> **Instructions to follow**: The answer must consist of every line from the data that holds the string "glazing".

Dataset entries
▼
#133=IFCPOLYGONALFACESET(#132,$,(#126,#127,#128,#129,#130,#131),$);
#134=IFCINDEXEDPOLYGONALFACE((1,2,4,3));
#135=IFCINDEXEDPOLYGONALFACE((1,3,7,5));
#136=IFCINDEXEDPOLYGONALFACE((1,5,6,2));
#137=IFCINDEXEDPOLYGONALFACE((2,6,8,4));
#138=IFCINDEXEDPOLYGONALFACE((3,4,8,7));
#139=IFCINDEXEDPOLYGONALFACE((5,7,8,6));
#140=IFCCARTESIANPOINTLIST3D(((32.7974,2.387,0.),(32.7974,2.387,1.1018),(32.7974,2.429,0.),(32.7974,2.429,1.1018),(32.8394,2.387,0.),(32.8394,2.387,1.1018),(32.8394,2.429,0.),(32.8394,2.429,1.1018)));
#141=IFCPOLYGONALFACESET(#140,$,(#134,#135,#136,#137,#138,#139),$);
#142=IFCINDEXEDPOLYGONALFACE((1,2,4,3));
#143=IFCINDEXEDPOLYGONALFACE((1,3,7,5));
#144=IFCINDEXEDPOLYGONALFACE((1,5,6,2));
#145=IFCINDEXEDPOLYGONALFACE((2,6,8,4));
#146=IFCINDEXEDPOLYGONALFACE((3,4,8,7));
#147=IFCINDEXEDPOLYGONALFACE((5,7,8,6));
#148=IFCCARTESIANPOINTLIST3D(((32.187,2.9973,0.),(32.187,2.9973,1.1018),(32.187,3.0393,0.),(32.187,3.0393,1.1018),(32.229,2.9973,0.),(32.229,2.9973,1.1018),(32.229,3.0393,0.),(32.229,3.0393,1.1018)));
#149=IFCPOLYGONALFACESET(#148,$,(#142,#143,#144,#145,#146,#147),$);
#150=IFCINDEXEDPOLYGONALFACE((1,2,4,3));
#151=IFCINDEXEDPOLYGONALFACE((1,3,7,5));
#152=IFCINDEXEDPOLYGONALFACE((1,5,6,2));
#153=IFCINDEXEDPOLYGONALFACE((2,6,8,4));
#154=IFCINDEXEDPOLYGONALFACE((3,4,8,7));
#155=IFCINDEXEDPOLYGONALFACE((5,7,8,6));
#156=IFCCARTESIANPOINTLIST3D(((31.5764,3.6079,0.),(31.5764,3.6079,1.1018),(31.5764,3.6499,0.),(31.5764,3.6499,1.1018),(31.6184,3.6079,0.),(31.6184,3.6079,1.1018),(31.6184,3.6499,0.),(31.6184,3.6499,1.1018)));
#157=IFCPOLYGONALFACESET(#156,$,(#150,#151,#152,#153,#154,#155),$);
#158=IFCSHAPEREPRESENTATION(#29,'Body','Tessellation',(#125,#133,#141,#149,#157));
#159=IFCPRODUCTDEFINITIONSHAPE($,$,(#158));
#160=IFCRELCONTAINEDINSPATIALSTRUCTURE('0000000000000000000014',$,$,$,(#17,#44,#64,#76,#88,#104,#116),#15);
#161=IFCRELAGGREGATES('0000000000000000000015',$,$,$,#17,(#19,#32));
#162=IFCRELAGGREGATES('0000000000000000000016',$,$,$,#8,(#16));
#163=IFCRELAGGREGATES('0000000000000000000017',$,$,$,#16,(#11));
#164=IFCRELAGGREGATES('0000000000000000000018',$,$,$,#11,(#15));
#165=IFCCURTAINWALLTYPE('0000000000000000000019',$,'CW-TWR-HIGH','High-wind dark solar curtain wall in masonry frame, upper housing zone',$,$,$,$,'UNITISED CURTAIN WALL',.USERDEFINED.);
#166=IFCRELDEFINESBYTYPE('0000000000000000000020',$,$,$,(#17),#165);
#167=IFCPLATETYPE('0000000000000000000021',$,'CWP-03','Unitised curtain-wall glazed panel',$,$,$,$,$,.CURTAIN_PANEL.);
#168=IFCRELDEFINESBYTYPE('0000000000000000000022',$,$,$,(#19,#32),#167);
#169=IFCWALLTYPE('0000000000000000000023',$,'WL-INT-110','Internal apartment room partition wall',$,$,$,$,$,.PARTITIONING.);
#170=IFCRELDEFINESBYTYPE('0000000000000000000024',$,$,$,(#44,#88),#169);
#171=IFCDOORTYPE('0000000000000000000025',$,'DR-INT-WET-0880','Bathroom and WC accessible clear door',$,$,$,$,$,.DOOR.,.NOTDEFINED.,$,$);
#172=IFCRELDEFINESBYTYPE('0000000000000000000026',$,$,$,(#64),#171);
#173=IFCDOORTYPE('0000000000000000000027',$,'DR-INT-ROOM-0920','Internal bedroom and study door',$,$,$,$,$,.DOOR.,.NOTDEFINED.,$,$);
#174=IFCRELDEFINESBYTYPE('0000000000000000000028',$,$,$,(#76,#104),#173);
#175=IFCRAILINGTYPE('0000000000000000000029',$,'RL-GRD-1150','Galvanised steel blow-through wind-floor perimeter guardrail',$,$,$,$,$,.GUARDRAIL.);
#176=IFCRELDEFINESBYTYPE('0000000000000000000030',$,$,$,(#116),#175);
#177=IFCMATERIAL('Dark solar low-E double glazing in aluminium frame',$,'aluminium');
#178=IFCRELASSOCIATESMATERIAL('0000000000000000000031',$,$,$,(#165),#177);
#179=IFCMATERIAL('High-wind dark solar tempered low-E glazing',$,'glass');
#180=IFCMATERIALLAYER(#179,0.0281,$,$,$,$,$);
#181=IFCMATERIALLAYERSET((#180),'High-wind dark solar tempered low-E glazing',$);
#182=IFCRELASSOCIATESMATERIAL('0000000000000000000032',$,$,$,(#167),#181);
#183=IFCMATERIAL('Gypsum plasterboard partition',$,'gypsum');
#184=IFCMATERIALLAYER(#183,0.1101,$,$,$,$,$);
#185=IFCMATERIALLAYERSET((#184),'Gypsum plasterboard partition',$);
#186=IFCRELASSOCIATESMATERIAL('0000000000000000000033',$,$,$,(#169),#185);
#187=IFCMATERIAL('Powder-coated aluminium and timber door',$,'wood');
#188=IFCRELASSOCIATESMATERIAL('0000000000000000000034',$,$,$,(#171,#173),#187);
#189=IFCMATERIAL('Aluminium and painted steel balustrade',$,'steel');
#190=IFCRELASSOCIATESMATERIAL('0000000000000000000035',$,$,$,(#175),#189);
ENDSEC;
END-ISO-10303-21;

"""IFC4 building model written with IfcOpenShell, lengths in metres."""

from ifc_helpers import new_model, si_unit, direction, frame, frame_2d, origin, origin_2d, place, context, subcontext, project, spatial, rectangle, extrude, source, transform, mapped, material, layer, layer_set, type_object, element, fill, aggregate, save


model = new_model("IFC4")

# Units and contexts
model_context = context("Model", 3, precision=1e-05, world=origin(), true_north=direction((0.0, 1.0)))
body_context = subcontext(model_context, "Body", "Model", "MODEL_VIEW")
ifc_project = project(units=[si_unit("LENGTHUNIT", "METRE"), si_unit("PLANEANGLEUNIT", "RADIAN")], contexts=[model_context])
▲
▼
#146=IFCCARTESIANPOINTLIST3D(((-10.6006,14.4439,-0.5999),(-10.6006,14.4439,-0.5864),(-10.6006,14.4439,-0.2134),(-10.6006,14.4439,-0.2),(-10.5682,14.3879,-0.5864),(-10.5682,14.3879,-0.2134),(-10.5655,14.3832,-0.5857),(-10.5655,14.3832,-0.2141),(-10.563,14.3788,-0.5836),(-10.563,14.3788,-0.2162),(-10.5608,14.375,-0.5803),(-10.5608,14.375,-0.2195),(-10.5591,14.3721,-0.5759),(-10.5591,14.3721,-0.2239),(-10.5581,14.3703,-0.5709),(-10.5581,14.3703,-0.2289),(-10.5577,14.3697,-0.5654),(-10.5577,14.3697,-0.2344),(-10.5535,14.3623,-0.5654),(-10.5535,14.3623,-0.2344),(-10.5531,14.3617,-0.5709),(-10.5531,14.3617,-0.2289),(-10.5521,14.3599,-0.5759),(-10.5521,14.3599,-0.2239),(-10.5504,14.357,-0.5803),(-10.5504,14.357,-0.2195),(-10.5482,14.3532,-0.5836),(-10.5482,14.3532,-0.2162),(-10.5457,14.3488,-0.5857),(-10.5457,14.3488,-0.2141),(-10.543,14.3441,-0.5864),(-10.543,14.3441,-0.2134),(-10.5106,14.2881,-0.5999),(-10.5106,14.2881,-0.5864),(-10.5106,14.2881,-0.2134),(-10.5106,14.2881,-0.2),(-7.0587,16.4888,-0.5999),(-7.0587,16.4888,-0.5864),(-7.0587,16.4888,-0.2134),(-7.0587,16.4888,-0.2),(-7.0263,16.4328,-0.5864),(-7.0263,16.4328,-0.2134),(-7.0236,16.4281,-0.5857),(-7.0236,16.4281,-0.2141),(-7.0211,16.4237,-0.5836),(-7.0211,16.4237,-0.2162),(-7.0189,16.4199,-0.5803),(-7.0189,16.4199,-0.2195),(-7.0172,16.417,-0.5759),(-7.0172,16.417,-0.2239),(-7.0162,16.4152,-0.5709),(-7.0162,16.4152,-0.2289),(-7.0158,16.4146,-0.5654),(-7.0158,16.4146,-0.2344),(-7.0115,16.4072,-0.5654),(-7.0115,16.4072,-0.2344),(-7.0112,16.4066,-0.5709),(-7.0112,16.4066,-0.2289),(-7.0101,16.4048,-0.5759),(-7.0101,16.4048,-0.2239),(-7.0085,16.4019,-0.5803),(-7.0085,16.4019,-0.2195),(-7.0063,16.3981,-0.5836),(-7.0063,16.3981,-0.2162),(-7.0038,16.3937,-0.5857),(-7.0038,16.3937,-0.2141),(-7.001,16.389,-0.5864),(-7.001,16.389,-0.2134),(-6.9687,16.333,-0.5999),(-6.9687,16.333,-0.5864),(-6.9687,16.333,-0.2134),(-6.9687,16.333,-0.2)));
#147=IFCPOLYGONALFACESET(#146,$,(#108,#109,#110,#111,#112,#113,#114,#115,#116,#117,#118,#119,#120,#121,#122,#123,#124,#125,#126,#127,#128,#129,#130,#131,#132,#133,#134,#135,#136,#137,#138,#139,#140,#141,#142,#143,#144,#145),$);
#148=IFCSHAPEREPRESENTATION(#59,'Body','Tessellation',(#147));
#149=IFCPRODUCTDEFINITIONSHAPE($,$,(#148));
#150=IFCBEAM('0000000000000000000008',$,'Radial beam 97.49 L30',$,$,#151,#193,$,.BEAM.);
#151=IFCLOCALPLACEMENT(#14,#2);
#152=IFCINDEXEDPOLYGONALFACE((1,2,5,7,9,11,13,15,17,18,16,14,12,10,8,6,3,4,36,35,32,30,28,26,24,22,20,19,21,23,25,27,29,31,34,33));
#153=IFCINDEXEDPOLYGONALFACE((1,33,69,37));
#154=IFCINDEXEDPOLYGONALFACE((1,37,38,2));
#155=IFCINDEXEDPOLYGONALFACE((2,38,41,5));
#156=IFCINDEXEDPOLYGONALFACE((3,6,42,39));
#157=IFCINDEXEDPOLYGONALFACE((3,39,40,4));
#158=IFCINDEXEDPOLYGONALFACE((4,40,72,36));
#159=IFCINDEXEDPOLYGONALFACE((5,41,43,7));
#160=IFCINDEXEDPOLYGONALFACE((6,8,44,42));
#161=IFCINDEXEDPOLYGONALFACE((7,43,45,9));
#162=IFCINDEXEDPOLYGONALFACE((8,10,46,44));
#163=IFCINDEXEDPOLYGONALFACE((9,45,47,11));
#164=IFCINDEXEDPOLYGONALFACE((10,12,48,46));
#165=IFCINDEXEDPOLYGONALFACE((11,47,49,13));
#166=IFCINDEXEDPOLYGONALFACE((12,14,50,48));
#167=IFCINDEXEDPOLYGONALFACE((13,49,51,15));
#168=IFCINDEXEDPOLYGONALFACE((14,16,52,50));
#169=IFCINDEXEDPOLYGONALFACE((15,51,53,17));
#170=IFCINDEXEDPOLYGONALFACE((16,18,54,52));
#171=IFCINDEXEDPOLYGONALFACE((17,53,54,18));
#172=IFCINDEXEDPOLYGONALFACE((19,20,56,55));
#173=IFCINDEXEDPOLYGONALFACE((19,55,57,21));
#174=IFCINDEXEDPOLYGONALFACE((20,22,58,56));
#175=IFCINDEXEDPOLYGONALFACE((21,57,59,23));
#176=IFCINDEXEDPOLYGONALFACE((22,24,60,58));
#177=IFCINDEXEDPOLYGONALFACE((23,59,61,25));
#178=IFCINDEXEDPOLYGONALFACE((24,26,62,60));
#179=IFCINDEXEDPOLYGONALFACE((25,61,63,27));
▲
> **Response box**:
#177=IFCMATERIAL('Dark solar low-E double glazing in aluminium frame',$,'aluminium');
#179=IFCMATERIAL('High-wind dark solar tempered low-E glazing',$,'glass');
#181=IFCMATERIALLAYERSET((#180),'High-wind dark solar tempered low-E glazing',$);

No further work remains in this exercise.